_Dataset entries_
+ + + +

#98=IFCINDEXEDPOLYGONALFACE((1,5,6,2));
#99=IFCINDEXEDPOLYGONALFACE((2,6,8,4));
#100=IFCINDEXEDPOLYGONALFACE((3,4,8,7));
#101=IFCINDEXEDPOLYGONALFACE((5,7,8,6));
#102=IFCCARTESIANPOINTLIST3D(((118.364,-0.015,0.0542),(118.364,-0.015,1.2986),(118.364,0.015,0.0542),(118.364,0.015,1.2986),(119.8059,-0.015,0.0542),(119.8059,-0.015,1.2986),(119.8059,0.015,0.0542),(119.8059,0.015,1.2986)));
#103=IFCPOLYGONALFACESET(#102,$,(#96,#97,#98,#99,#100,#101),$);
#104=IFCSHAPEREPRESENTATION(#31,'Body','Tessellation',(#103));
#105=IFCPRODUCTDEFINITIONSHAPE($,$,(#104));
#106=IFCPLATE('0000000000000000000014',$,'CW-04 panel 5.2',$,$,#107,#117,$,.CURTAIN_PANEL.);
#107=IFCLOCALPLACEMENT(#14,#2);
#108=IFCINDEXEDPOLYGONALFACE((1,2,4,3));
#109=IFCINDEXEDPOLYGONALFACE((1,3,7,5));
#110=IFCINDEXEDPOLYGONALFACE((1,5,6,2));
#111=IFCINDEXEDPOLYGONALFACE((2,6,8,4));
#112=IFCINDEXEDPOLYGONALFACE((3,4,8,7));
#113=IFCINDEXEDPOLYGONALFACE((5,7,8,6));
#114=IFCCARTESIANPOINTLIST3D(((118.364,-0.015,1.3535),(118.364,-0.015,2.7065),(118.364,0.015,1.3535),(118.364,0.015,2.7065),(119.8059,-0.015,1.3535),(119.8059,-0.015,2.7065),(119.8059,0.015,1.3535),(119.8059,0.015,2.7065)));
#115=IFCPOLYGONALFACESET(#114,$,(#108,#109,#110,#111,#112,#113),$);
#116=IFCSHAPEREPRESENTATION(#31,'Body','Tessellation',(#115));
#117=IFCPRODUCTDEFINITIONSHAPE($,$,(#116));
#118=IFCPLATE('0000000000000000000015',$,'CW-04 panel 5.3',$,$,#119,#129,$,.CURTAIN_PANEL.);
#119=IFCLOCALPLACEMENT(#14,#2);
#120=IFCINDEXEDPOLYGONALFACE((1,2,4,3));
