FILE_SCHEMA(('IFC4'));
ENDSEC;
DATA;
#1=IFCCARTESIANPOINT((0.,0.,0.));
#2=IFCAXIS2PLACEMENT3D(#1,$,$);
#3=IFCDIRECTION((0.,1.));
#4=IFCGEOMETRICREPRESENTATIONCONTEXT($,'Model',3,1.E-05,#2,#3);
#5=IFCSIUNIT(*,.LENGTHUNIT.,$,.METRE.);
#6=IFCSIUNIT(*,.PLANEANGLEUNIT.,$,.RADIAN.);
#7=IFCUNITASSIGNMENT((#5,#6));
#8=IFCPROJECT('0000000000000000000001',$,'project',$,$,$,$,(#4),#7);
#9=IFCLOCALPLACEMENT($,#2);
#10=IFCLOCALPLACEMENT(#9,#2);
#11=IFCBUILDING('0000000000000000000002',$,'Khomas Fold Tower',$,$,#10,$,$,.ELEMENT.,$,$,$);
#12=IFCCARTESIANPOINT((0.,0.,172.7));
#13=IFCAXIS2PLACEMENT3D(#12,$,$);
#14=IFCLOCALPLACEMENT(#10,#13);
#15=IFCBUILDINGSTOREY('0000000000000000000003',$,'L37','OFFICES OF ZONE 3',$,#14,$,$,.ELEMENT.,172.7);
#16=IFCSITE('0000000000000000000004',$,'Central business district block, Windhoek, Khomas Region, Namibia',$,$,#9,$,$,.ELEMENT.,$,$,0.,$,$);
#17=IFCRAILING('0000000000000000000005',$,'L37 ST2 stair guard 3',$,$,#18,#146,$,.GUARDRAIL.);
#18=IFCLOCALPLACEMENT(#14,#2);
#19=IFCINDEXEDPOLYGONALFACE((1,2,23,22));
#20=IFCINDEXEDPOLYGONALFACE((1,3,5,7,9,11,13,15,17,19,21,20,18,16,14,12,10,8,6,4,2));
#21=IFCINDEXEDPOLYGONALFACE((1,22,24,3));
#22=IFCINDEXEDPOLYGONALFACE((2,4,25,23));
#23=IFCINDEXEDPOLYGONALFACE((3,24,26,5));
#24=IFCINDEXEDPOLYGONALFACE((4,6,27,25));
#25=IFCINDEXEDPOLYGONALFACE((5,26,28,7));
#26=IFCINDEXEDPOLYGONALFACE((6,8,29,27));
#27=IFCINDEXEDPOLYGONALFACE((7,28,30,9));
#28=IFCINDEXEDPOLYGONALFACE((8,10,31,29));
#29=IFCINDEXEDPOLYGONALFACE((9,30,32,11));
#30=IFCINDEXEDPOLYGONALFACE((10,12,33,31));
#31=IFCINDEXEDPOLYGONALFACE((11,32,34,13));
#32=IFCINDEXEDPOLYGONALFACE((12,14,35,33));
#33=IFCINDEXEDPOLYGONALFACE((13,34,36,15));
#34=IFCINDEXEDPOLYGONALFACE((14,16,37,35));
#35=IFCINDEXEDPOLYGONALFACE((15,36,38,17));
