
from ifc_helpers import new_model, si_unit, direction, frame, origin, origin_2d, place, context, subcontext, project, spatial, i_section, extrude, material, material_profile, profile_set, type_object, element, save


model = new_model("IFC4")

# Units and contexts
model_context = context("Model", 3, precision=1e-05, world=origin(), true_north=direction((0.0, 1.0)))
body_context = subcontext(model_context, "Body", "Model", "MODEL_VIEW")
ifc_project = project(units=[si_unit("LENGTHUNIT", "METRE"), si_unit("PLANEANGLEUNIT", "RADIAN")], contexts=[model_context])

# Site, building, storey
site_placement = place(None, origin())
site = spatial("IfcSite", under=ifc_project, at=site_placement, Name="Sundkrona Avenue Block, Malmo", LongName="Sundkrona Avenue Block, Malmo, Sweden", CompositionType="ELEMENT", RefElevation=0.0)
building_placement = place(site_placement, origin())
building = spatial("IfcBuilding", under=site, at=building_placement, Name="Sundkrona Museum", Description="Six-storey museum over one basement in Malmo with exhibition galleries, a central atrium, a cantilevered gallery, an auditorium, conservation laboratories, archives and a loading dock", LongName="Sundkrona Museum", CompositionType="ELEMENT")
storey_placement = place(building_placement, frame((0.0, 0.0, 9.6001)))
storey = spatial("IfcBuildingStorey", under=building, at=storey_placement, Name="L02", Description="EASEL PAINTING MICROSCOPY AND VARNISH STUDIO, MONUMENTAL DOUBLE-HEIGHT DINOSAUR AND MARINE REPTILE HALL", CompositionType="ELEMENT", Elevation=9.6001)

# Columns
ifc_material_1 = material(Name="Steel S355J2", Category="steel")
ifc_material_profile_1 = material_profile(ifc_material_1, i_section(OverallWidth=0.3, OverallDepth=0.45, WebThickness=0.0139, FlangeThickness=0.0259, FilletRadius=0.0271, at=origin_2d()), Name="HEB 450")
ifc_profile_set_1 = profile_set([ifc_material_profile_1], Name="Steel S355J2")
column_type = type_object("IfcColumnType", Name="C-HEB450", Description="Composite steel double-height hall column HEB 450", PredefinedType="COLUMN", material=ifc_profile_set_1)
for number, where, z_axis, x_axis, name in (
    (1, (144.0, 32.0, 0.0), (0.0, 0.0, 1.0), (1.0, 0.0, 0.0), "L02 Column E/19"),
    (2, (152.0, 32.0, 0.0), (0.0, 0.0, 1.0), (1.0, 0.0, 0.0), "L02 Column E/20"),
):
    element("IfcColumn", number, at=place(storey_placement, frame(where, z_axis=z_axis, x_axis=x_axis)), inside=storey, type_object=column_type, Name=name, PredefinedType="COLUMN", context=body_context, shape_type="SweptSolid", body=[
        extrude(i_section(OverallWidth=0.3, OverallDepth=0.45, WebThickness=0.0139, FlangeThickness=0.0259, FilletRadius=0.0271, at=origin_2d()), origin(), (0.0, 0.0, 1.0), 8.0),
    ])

+ + + +

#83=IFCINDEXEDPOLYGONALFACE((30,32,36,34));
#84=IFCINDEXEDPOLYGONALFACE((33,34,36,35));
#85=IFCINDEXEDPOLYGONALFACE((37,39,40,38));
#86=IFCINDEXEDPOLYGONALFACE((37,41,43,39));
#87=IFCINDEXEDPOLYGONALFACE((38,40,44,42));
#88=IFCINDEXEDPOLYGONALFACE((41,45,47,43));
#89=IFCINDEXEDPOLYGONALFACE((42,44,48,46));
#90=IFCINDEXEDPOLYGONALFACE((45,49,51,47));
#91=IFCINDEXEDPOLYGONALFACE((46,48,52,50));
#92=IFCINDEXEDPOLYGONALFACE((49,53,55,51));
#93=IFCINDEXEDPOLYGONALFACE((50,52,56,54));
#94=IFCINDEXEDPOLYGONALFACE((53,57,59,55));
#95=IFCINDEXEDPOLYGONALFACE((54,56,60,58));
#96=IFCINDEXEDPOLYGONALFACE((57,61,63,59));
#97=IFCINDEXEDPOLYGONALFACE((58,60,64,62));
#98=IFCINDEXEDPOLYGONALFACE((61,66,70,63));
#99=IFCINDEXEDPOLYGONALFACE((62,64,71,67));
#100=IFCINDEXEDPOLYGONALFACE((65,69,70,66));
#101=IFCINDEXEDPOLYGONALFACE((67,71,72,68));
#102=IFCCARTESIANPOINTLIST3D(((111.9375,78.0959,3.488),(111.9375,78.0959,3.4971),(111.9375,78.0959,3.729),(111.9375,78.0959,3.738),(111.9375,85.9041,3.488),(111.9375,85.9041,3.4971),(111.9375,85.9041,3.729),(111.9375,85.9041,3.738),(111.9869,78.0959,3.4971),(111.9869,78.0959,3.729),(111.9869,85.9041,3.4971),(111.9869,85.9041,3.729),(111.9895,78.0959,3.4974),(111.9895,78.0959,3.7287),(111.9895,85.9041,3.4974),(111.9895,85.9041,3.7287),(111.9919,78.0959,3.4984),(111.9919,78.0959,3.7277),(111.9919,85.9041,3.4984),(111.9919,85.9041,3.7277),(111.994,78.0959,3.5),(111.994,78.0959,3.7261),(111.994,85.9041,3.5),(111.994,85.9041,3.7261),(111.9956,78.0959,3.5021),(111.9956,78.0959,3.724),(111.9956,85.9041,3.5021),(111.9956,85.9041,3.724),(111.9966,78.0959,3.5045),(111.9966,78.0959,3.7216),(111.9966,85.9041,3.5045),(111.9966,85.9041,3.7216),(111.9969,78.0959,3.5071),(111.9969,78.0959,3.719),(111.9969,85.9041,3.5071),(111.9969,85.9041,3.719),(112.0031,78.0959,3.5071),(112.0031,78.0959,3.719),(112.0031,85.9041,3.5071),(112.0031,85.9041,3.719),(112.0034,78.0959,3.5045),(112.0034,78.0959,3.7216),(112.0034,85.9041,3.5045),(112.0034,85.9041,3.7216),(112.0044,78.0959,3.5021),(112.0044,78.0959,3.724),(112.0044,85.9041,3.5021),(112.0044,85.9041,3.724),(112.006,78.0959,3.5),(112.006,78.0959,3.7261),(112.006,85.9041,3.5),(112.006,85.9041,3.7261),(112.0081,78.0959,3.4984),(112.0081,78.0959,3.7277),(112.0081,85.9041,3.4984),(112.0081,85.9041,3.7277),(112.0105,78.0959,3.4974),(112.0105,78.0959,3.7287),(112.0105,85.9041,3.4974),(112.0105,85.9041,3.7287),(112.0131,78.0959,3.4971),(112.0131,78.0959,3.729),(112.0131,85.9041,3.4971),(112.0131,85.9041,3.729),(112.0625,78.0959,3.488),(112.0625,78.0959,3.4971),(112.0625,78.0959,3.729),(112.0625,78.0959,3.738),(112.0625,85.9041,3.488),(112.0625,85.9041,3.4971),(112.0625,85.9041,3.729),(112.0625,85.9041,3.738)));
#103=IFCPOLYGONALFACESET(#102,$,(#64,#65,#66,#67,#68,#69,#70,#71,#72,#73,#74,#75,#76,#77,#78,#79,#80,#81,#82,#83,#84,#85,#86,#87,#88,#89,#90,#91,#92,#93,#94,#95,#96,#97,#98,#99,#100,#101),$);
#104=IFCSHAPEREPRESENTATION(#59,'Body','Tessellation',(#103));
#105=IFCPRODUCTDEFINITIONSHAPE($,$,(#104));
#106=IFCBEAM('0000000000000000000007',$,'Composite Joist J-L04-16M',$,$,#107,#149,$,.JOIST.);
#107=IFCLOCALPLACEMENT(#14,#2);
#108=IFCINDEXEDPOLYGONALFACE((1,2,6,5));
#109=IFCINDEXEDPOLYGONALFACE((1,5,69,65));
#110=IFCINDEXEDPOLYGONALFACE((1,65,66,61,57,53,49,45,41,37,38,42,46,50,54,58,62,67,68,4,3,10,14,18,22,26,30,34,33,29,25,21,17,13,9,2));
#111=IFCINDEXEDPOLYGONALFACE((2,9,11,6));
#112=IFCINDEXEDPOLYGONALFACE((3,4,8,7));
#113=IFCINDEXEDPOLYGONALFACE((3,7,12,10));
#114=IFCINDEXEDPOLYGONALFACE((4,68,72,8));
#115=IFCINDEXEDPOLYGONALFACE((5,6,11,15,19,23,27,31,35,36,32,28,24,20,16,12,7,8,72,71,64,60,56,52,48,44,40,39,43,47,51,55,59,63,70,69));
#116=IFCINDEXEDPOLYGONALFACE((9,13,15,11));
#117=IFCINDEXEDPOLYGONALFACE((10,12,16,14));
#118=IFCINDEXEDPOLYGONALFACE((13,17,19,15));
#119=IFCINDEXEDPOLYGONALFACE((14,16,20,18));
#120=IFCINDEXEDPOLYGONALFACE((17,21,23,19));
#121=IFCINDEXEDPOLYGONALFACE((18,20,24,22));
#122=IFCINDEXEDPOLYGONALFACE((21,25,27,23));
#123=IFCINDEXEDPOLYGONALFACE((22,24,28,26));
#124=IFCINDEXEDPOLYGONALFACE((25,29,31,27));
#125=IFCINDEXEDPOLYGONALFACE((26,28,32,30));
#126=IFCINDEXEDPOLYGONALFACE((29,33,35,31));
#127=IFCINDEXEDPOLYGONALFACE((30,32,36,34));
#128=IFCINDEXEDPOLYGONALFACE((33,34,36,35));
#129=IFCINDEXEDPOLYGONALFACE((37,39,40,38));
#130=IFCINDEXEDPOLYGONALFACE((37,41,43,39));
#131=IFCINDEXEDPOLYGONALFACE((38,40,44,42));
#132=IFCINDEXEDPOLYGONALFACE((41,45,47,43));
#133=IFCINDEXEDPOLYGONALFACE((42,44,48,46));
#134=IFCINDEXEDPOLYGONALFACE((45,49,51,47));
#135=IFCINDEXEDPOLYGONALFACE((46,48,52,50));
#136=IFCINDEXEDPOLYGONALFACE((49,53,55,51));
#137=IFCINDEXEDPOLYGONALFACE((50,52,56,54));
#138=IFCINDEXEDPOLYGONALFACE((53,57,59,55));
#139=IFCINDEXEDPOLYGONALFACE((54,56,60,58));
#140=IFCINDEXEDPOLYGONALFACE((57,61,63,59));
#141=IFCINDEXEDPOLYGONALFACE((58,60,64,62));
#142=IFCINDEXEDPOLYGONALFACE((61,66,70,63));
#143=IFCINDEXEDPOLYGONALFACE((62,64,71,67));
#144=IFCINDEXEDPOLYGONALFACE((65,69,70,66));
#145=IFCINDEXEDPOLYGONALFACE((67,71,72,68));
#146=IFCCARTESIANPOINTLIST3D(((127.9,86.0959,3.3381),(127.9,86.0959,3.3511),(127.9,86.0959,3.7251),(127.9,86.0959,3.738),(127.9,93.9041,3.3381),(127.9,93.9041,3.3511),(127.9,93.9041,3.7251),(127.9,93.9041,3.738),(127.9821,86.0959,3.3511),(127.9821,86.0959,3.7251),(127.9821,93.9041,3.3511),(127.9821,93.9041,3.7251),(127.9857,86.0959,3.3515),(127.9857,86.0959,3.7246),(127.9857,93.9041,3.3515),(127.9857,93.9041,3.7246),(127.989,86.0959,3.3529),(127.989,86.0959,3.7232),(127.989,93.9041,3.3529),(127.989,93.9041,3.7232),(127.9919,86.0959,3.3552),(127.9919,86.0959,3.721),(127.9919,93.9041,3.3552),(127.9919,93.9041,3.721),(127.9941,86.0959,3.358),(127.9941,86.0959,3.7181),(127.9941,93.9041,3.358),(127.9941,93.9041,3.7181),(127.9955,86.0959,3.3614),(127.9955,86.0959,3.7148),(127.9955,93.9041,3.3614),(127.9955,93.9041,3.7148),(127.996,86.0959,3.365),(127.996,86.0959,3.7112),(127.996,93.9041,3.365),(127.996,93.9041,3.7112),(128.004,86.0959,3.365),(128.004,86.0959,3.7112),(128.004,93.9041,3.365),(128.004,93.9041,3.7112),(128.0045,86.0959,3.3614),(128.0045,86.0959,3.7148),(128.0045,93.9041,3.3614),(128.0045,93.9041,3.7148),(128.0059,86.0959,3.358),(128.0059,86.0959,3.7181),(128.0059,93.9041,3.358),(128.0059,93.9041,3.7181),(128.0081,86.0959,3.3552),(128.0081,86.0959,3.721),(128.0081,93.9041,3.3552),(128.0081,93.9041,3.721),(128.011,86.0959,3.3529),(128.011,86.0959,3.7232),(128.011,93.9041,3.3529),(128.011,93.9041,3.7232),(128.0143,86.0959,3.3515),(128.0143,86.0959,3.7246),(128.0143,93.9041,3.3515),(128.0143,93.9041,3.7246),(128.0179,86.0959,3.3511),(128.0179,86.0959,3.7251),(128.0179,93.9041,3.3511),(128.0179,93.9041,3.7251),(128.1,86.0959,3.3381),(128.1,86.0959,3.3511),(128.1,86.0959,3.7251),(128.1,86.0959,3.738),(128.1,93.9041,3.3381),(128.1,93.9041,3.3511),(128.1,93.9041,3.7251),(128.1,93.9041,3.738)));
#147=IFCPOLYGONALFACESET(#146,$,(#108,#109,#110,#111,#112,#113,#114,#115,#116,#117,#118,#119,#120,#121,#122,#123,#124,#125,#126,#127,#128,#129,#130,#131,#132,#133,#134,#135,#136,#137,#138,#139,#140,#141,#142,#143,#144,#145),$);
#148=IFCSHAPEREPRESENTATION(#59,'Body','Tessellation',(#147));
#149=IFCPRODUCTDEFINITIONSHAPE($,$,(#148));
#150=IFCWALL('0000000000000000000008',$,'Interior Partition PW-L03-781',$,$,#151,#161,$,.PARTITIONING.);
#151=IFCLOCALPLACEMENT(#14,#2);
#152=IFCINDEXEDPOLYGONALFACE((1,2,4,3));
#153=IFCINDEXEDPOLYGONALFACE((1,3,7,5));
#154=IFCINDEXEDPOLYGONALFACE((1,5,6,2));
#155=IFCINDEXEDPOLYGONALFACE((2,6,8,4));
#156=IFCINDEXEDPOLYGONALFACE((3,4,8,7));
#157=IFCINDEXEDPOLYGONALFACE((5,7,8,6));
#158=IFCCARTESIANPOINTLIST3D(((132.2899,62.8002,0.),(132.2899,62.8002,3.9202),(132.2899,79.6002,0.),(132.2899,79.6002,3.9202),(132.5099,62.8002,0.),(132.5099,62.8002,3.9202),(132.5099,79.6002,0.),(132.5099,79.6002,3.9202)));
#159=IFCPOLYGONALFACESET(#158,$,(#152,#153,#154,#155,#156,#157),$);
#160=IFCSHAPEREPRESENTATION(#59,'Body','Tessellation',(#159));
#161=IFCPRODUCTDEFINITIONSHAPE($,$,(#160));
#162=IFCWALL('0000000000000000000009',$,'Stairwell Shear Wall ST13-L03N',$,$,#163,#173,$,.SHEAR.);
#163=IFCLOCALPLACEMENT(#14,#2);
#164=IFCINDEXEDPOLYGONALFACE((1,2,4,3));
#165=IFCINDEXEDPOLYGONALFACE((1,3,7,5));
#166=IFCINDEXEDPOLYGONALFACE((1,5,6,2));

+ + + +

_The problem_
Would you retype the lines above from the one with "#140=IFCINDEXEDPOLYGONALFACE((57,61,63,59));" down to the one with "#145=IFCINDEXEDPOLYGONALFACE((67,71,72,68));", word for word, both ends included and no other lines?

_Result of the exercise_
#140=IFCINDEXEDPOLYGONALFACE((57,61,63,59));
#141=IFCINDEXEDPOLYGONALFACE((58,60,64,62));
#142=IFCINDEXEDPOLYGONALFACE((61,66,70,63));
#143=IFCINDEXEDPOLYGONALFACE((62,64,71,67));
#144=IFCINDEXEDPOLYGONALFACE((65,69,70,66));
#145=IFCINDEXEDPOLYGONALFACE((67,71,72,68));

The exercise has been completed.